▶ **Task brief**:
Where does the string "Radial" occur in the records below? Copy every line that holds it.
▬▬▬▬▬▬
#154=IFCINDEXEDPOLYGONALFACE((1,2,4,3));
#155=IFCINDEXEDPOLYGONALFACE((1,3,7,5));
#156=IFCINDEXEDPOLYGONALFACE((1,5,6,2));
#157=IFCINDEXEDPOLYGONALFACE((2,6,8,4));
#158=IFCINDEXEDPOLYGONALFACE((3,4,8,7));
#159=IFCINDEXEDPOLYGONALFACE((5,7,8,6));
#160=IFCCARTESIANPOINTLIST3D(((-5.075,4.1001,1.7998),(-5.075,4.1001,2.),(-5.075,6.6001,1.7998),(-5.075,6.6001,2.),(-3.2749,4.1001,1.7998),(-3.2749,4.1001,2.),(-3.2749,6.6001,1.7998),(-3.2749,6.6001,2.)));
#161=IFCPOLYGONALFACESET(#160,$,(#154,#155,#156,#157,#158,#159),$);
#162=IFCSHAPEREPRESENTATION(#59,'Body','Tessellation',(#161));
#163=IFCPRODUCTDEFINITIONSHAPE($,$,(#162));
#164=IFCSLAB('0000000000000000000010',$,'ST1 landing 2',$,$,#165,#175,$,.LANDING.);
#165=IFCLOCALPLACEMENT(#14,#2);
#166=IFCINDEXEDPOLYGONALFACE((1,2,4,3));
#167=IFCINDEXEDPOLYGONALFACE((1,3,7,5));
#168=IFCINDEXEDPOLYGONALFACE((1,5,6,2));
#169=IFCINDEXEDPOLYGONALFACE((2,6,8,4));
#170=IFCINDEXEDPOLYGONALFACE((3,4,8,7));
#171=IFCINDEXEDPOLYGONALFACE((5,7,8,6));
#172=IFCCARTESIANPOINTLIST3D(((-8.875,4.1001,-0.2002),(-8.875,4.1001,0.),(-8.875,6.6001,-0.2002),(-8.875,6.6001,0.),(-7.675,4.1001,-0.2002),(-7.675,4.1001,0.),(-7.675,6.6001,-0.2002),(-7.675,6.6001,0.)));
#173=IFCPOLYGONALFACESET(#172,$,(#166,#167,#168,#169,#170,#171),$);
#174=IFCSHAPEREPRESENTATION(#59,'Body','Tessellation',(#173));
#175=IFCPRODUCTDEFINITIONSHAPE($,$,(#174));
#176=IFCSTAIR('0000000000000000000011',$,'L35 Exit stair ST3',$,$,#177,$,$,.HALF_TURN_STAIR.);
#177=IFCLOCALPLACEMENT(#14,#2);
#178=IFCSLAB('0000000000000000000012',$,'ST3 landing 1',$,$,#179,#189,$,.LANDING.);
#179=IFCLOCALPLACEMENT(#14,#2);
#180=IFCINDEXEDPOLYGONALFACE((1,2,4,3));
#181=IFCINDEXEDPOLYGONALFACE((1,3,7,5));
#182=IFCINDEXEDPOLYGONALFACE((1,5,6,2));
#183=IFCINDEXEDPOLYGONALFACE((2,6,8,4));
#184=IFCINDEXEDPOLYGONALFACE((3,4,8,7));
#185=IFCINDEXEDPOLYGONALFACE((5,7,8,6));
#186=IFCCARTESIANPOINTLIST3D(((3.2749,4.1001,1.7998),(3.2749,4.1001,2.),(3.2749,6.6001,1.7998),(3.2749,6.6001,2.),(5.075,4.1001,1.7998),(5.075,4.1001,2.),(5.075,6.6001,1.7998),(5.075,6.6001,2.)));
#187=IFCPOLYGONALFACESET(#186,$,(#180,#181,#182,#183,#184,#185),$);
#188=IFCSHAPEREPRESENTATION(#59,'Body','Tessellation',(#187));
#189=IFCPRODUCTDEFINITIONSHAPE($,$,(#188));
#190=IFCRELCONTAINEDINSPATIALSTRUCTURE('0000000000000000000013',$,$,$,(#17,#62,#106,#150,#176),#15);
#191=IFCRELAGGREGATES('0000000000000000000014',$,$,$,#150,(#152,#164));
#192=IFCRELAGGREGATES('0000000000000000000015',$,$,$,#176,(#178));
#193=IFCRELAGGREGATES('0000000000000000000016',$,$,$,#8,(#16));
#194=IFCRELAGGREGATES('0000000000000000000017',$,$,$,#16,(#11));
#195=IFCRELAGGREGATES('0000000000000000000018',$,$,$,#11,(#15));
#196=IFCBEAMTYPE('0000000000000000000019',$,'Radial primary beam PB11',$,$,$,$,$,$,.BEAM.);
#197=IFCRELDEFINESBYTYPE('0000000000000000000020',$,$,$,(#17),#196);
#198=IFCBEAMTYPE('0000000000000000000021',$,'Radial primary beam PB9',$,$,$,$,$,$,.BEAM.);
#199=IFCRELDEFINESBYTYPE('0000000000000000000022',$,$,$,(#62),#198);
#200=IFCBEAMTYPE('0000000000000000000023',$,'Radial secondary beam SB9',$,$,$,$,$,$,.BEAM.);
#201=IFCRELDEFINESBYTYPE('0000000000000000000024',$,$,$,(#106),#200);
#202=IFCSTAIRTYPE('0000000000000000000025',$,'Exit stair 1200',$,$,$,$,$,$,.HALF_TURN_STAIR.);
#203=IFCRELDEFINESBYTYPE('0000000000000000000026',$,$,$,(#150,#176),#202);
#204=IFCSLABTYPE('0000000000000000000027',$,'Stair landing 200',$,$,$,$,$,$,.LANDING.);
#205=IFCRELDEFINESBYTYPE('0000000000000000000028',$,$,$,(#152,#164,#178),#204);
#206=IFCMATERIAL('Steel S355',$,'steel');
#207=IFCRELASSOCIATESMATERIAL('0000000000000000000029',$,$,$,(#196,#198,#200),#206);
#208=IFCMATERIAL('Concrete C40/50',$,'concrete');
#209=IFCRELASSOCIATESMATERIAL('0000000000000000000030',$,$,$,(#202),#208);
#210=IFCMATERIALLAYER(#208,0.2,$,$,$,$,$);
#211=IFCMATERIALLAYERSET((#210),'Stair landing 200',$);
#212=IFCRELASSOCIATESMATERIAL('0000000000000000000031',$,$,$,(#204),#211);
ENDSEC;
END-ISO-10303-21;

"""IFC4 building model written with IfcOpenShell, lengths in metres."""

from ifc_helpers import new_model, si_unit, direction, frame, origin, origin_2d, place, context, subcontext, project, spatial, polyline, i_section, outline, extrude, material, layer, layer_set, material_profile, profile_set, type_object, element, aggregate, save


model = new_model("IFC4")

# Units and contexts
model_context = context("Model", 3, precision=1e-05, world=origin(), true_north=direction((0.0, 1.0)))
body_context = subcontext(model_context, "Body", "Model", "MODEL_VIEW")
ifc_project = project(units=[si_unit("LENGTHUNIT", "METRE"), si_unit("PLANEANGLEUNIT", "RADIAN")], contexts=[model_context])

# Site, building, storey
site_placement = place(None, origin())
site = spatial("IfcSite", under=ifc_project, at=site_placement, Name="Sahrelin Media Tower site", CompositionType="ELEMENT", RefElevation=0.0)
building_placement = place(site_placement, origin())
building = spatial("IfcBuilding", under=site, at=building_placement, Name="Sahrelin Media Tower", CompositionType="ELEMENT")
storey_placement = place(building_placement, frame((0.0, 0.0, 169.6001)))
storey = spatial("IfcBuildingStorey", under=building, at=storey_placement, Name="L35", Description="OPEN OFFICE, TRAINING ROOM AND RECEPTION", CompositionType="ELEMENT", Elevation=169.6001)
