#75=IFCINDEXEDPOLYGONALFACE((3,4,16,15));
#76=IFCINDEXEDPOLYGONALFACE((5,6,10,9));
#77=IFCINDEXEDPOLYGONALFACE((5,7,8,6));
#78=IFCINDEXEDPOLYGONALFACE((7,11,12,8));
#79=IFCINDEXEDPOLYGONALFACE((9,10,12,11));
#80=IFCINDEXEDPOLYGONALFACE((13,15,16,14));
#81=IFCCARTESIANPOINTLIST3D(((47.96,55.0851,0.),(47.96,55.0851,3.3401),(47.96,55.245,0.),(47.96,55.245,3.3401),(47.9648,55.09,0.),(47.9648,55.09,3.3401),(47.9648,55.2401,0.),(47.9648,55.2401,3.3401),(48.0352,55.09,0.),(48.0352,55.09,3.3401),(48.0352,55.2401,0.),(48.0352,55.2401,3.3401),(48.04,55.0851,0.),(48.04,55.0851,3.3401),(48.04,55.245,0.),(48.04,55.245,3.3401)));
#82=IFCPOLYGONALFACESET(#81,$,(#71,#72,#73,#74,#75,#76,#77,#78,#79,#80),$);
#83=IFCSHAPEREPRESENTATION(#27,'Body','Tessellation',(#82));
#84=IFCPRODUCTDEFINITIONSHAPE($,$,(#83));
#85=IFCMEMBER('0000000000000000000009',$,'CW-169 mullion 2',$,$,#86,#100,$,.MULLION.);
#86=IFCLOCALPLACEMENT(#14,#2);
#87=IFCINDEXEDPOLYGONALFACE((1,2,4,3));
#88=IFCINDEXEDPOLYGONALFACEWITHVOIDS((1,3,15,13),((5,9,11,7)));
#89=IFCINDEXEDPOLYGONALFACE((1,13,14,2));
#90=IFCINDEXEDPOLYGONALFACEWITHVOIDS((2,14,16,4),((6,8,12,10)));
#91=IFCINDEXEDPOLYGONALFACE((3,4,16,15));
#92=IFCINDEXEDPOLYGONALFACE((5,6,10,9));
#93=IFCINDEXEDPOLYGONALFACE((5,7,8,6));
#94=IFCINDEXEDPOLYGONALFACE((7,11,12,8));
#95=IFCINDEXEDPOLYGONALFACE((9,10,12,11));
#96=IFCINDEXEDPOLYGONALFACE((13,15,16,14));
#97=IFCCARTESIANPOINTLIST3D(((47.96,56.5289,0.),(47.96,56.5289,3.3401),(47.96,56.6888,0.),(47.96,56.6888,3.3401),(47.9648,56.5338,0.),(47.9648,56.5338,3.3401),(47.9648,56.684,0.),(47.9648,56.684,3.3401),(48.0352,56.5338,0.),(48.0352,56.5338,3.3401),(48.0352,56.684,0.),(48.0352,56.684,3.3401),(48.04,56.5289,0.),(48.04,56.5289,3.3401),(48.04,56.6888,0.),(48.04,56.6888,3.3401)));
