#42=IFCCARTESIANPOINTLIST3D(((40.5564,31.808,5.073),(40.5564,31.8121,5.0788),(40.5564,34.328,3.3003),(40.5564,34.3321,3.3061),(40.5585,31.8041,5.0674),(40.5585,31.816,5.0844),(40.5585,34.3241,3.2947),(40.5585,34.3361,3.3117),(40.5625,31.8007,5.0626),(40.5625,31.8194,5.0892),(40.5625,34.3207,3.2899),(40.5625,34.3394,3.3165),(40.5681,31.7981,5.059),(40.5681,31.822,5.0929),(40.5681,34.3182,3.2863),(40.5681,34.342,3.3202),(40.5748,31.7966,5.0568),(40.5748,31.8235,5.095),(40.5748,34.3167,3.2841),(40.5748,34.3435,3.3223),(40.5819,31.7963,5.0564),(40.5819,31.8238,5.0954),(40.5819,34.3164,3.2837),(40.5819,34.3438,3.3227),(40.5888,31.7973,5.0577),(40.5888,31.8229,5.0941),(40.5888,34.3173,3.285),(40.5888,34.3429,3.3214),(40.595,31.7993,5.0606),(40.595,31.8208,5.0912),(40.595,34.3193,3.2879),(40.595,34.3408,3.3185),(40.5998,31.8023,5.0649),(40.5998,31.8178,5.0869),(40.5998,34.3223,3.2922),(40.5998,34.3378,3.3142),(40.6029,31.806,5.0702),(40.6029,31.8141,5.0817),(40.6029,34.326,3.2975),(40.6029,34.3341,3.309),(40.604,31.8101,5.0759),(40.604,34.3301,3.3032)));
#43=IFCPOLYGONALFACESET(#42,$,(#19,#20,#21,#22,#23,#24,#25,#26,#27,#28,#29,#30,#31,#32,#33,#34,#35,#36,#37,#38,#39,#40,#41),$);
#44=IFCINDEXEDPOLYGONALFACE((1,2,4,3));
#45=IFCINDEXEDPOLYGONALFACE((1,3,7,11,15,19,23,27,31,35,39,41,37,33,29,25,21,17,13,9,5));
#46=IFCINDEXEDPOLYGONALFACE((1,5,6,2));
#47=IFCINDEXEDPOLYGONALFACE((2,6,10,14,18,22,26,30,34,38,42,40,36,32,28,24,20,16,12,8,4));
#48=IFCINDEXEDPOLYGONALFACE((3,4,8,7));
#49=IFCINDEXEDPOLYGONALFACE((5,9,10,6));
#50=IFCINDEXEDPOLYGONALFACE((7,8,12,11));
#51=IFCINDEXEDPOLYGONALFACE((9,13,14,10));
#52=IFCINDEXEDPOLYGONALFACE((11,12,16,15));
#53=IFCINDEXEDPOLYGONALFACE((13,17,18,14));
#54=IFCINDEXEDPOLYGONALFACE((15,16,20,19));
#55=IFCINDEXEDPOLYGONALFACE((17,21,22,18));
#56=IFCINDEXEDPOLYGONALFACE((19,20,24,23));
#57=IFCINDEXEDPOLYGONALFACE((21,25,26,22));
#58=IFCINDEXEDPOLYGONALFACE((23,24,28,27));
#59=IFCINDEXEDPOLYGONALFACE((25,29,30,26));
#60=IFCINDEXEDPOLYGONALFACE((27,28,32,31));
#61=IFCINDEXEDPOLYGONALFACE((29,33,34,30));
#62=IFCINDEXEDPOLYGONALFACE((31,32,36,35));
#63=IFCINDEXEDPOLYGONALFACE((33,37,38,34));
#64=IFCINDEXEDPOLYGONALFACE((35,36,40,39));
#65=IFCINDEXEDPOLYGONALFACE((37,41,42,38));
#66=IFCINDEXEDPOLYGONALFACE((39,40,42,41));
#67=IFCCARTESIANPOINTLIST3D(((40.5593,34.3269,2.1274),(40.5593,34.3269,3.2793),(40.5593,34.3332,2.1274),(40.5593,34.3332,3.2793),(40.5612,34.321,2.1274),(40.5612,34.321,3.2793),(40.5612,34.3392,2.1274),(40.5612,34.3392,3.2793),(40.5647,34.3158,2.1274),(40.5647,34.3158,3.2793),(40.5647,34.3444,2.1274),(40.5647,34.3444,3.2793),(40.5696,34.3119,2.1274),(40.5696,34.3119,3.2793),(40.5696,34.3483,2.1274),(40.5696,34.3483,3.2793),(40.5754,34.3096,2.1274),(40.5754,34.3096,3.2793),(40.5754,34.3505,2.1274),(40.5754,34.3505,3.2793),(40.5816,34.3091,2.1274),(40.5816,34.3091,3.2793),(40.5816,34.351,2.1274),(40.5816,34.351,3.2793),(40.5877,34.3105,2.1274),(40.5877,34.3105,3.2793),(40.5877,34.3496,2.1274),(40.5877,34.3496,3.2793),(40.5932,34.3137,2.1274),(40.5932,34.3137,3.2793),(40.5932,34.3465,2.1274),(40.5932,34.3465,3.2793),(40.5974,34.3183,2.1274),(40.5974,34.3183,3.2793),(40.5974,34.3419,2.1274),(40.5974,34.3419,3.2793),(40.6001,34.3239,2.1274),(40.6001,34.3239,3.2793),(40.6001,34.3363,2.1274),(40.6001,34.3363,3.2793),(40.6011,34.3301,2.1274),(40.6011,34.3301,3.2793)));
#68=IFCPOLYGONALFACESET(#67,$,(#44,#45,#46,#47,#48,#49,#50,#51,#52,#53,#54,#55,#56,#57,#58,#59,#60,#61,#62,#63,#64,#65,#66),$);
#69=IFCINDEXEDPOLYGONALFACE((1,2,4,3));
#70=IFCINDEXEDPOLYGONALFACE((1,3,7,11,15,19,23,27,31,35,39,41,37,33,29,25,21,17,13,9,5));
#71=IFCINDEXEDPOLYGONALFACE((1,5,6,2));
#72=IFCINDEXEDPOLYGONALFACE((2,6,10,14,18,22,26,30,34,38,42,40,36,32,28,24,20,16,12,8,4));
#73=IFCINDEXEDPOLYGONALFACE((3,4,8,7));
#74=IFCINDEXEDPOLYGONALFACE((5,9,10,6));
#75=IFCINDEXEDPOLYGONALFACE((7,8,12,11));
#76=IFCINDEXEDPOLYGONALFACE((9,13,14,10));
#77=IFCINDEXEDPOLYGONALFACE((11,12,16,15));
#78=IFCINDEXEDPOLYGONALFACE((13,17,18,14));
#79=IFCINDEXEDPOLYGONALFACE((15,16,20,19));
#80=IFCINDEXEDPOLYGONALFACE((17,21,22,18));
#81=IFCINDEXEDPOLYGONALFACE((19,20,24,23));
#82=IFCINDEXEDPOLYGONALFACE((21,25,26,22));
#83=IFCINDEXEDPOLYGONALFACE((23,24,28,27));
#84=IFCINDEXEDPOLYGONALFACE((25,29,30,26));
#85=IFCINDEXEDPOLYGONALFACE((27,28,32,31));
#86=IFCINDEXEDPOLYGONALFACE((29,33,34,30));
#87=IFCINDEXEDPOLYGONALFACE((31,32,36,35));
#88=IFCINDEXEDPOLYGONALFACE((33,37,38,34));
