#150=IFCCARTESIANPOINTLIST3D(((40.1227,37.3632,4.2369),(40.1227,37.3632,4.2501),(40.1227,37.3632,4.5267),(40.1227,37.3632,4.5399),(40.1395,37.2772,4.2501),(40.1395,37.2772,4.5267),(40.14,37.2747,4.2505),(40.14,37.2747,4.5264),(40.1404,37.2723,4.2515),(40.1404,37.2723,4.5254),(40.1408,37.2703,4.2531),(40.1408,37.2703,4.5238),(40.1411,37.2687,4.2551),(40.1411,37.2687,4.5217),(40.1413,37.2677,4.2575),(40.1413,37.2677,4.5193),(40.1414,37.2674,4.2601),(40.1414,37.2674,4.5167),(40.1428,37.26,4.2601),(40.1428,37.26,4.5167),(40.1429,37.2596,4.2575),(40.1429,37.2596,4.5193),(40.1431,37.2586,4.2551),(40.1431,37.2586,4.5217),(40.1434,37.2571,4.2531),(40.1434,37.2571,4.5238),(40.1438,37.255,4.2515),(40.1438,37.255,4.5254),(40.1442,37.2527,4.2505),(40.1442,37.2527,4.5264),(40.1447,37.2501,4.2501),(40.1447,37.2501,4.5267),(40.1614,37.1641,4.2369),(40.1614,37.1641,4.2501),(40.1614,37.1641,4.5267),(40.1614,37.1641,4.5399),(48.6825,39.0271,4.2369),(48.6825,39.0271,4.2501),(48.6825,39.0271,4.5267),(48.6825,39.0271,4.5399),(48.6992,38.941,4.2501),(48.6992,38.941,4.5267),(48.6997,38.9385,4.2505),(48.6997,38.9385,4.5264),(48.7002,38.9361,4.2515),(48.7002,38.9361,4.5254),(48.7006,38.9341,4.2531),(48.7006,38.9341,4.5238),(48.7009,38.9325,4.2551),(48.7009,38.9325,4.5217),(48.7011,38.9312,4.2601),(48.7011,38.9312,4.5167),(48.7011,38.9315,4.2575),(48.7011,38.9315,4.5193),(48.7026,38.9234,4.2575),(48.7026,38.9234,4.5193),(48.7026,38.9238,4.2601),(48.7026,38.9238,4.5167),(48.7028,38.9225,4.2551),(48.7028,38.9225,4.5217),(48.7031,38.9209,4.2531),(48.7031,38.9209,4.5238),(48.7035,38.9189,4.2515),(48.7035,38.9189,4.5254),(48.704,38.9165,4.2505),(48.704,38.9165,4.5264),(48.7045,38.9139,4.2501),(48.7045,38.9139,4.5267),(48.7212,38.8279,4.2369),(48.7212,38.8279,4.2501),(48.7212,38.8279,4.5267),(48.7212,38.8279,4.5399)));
▬▬▬▬▬▬
▶ **Exercise answer**:
#196=IFCBEAMTYPE('0000000000000000000019',$,'Radial primary beam PB11',$,$,$,$,$,$,.BEAM.);
#198=IFCBEAMTYPE('0000000000000000000021',$,'Radial primary beam PB9',$,$,$,$,$,$,.BEAM.);
#200=IFCBEAMTYPE('0000000000000000000023',$,'Radial secondary beam SB9',$,$,$,$,$,$,.BEAM.);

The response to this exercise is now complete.